▸ TASK PROMPT: Take the material below and output exactly the run of lines from the one containing "spandrel panel 2.3',$,$,#143,#153,$,.CURTAIN_PANEL.);" down to the one containing "#161=IFCINDEXEDPOLYGONALFACE((5,7,8,6));", with both included.

▸ DATA SUPPLIED:

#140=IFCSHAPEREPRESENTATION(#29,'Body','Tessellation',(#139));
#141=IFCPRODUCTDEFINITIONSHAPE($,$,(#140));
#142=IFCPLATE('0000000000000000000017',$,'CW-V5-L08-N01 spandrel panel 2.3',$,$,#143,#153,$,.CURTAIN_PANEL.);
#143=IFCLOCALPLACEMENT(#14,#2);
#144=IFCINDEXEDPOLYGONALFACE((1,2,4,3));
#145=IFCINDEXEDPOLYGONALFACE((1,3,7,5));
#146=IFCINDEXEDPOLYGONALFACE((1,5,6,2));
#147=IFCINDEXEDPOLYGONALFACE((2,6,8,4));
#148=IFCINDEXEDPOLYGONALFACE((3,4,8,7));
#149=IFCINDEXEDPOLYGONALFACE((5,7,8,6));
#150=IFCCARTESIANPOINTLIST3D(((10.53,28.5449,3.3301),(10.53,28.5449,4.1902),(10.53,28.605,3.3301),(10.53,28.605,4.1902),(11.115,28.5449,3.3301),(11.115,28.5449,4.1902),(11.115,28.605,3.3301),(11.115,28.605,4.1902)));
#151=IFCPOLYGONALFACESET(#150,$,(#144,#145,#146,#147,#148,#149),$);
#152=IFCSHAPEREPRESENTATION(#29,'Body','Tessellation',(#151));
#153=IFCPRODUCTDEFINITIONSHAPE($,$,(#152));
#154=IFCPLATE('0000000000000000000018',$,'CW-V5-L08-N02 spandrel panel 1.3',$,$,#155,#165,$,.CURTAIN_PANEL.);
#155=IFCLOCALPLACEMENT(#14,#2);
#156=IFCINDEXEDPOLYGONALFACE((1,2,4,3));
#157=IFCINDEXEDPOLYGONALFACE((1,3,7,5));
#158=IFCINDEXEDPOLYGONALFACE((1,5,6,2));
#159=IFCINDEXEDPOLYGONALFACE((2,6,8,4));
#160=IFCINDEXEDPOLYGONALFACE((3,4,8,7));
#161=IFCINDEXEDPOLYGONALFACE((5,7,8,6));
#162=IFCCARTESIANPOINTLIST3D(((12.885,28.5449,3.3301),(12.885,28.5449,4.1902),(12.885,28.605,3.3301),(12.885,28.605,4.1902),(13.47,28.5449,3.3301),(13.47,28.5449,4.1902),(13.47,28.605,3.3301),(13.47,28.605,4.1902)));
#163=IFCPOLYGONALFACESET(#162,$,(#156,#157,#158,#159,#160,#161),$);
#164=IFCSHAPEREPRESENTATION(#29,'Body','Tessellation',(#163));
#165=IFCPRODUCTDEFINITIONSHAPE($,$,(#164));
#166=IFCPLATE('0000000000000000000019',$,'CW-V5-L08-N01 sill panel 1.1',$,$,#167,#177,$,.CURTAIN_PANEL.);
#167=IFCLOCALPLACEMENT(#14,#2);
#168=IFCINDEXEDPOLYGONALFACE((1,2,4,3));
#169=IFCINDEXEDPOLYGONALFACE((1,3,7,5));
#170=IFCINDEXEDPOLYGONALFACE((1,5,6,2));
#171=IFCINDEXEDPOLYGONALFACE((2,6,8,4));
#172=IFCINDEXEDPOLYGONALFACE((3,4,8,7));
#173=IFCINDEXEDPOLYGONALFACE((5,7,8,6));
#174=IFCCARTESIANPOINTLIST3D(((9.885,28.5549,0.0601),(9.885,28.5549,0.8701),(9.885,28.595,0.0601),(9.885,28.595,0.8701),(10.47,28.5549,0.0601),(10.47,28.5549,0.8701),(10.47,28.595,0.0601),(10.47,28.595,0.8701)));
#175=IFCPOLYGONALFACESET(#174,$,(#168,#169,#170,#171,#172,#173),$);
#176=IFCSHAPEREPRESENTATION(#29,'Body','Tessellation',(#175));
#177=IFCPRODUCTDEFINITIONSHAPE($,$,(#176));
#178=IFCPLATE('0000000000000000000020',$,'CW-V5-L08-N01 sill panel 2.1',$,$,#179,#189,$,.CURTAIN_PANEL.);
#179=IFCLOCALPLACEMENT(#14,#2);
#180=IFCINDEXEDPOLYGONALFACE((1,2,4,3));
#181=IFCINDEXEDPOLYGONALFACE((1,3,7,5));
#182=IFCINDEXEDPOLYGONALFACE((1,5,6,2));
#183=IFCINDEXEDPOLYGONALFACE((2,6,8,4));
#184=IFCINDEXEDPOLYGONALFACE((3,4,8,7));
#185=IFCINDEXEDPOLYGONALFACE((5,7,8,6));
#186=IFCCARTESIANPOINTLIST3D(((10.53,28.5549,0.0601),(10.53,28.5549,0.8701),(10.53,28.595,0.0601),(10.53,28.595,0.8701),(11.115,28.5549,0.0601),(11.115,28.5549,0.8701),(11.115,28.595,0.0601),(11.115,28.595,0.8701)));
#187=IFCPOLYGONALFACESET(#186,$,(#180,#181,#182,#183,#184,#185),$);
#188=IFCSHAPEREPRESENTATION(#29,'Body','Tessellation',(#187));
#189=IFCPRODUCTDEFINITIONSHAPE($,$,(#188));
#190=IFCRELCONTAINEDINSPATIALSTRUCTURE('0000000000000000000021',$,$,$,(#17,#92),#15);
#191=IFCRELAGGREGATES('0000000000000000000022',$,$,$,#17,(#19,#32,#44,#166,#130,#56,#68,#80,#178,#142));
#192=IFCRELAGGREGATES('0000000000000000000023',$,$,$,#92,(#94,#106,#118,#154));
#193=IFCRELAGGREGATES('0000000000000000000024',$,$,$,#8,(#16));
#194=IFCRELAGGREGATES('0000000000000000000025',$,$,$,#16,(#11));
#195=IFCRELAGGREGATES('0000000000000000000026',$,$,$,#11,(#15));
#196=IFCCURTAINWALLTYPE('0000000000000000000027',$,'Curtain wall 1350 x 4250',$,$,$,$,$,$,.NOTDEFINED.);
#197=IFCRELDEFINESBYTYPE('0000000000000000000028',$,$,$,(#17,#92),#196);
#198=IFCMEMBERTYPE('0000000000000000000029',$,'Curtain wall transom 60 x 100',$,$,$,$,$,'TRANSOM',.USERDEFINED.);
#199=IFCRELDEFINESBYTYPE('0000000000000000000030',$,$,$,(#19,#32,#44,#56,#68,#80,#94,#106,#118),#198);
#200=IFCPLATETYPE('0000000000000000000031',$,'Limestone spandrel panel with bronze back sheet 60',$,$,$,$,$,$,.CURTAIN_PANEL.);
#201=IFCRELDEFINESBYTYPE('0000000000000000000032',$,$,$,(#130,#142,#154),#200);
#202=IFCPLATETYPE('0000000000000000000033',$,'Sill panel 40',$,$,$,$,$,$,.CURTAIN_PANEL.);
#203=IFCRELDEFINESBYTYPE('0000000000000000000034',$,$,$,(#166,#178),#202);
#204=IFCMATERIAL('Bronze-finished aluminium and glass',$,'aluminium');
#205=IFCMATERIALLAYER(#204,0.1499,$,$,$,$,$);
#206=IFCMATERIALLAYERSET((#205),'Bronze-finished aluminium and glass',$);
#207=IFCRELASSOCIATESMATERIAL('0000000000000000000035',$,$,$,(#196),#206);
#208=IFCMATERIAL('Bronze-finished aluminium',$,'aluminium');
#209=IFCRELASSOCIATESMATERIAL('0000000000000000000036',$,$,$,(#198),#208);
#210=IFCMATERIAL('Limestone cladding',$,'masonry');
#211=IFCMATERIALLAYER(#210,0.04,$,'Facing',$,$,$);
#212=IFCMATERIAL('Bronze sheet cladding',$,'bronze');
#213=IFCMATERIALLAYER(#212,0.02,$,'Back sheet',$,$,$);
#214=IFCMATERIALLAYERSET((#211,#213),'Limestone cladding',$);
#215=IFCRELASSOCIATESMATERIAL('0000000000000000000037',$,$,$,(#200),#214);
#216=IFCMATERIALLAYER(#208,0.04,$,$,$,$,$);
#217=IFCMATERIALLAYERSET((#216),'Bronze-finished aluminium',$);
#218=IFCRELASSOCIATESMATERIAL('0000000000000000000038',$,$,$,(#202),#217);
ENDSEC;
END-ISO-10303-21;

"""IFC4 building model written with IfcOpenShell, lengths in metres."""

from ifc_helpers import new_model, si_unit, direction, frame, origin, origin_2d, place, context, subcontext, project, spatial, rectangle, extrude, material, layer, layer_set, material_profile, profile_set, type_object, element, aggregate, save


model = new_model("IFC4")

▸ EXERCISE RESULT:
#142=IFCPLATE('0000000000000000000017',$,'CW-V5-L08-N01 spandrel panel 2.3',$,$,#143,#153,$,.CURTAIN_PANEL.);
#143=IFCLOCALPLACEMENT(#14,#2);
#144=IFCINDEXEDPOLYGONALFACE((1,2,4,3));
#145=IFCINDEXEDPOLYGONALFACE((1,3,7,5));
#146=IFCINDEXEDPOLYGONALFACE((1,5,6,2));
#147=IFCINDEXEDPOLYGONALFACE((2,6,8,4));
#148=IFCINDEXEDPOLYGONALFACE((3,4,8,7));
#149=IFCINDEXEDPOLYGONALFACE((5,7,8,6));
#150=IFCCARTESIANPOINTLIST3D(((10.53,28.5449,3.3301),(10.53,28.5449,4.1902),(10.53,28.605,3.3301),(10.53,28.605,4.1902),(11.115,28.5449,3.3301),(11.115,28.5449,4.1902),(11.115,28.605,3.3301),(11.115,28.605,4.1902)));
#151=IFCPOLYGONALFACESET(#150,$,(#144,#145,#146,#147,#148,#149),$);
#152=IFCSHAPEREPRESENTATION(#29,'Body','Tessellation',(#151));
#153=IFCPRODUCTDEFINITIONSHAPE($,$,(#152));
#154=IFCPLATE('0000000000000000000018',$,'CW-V5-L08-N02 spandrel panel 1.3',$,$,#155,#165,$,.CURTAIN_PANEL.);
#155=IFCLOCALPLACEMENT(#14,#2);
#156=IFCINDEXEDPOLYGONALFACE((1,2,4,3));
#157=IFCINDEXEDPOLYGONALFACE((1,3,7,5));
#158=IFCINDEXEDPOLYGONALFACE((1,5,6,2));
#159=IFCINDEXEDPOLYGONALFACE((2,6,8,4));
#160=IFCINDEXEDPOLYGONALFACE((3,4,8,7));
#161=IFCINDEXEDPOLYGONALFACE((5,7,8,6));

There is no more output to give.